Aim of the task:
Each record below should appear again exactly as written.

Stored items:
..........
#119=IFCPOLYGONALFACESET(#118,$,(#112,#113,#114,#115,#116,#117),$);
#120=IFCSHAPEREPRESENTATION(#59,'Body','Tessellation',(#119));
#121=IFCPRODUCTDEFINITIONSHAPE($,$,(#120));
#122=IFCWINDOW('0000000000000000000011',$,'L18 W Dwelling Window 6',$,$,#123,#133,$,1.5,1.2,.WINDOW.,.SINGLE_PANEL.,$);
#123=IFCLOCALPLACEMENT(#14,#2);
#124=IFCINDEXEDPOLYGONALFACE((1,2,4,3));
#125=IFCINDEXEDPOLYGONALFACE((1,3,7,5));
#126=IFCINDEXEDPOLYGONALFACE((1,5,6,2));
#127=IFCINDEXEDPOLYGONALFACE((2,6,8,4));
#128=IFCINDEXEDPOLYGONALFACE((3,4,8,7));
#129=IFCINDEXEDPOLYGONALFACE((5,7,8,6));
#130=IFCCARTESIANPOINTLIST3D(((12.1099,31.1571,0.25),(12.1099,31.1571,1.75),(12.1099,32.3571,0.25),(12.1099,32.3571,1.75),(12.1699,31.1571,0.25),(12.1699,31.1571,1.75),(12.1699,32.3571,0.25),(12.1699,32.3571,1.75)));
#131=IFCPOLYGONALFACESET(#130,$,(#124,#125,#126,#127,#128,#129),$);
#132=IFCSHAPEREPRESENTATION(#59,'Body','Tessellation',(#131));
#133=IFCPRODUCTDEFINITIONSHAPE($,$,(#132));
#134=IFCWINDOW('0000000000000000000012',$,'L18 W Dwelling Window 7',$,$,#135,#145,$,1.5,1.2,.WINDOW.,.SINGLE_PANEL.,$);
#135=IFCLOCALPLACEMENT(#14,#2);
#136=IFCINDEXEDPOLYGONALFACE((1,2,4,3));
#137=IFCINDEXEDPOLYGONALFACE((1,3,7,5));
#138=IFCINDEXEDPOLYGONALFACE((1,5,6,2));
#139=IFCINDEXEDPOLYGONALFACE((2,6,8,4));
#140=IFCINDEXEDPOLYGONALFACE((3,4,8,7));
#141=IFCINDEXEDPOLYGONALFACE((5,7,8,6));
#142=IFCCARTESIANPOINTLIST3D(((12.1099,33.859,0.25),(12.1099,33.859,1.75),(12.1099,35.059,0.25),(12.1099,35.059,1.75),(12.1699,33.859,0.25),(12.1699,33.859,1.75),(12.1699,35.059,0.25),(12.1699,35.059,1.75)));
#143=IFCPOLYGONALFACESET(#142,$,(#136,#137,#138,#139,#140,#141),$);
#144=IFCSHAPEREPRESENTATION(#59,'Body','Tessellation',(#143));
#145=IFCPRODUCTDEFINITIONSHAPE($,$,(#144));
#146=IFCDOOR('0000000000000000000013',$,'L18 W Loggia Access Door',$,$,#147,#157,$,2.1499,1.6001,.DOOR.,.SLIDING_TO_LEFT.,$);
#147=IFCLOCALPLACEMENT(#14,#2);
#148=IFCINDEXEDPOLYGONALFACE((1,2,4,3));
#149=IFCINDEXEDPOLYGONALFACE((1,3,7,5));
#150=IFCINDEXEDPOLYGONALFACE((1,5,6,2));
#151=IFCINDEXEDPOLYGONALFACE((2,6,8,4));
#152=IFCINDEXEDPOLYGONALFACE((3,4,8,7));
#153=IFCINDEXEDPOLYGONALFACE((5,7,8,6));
..........
Answer to the exercise:
#119=IFCPOLYGONALFACESET(#118,$,(#112,#113,#114,#115,#116,#117),$);
#120=IFCSHAPEREPRESENTATION(#59,'Body','Tessellation',(#119));
#121=IFCPRODUCTDEFINITIONSHAPE($,$,(#120));
#122=IFCWINDOW('0000000000000000000011',$,'L18 W Dwelling Window 6',$,$,#123,#133,$,1.5,1.2,.WINDOW.,.SINGLE_PANEL.,$);
#123=IFCLOCALPLACEMENT(#14,#2);
#124=IFCINDEXEDPOLYGONALFACE((1,2,4,3));
#125=IFCINDEXEDPOLYGONALFACE((1,3,7,5));
#126=IFCINDEXEDPOLYGONALFACE((1,5,6,2));
#127=IFCINDEXEDPOLYGONALFACE((2,6,8,4));
#128=IFCINDEXEDPOLYGONALFACE((3,4,8,7));
#129=IFCINDEXEDPOLYGONALFACE((5,7,8,6));
#130=IFCCARTESIANPOINTLIST3D(((12.1099,31.1571,0.25),(12.1099,31.1571,1.75),(12.1099,32.3571,0.25),(12.1099,32.3571,1.75),(12.1699,31.1571,0.25),(12.1699,31.1571,1.75),(12.1699,32.3571,0.25),(12.1699,32.3571,1.75)));
#131=IFCPOLYGONALFACESET(#130,$,(#124,#125,#126,#127,#128,#129),$);
#132=IFCSHAPEREPRESENTATION(#59,'Body','Tessellation',(#131));
#133=IFCPRODUCTDEFINITIONSHAPE($,$,(#132));
#134=IFCWINDOW('0000000000000000000012',$,'L18 W Dwelling Window 7',$,$,#135,#145,$,1.5,1.2,.WINDOW.,.SINGLE_PANEL.,$);
#135=IFCLOCALPLACEMENT(#14,#2);
#136=IFCINDEXEDPOLYGONALFACE((1,2,4,3));
#137=IFCINDEXEDPOLYGONALFACE((1,3,7,5));
#138=IFCINDEXEDPOLYGONALFACE((1,5,6,2));
#139=IFCINDEXEDPOLYGONALFACE((2,6,8,4));
#140=IFCINDEXEDPOLYGONALFACE((3,4,8,7));
#141=IFCINDEXEDPOLYGONALFACE((5,7,8,6));
#142=IFCCARTESIANPOINTLIST3D(((12.1099,33.859,0.25),(12.1099,33.859,1.75),(12.1099,35.059,0.25),(12.1099,35.059,1.75),(12.1699,33.859,0.25),(12.1699,33.859,1.75),(12.1699,35.059,0.25),(12.1699,35.059,1.75)));
#143=IFCPOLYGONALFACESET(#142,$,(#136,#137,#138,#139,#140,#141),$);
#144=IFCSHAPEREPRESENTATION(#59,'Body','Tessellation',(#143));
#145=IFCPRODUCTDEFINITIONSHAPE($,$,(#144));
#146=IFCDOOR('0000000000000000000013',$,'L18 W Loggia Access Door',$,$,#147,#157,$,2.1499,1.6001,.DOOR.,.SLIDING_TO_LEFT.,$);
#147=IFCLOCALPLACEMENT(#14,#2);
#148=IFCINDEXEDPOLYGONALFACE((1,2,4,3));
#149=IFCINDEXEDPOLYGONALFACE((1,3,7,5));
#150=IFCINDEXEDPOLYGONALFACE((1,5,6,2));
#151=IFCINDEXEDPOLYGONALFACE((2,6,8,4));
#152=IFCINDEXEDPOLYGONALFACE((3,4,8,7));
#153=IFCINDEXEDPOLYGONALFACE((5,7,8,6));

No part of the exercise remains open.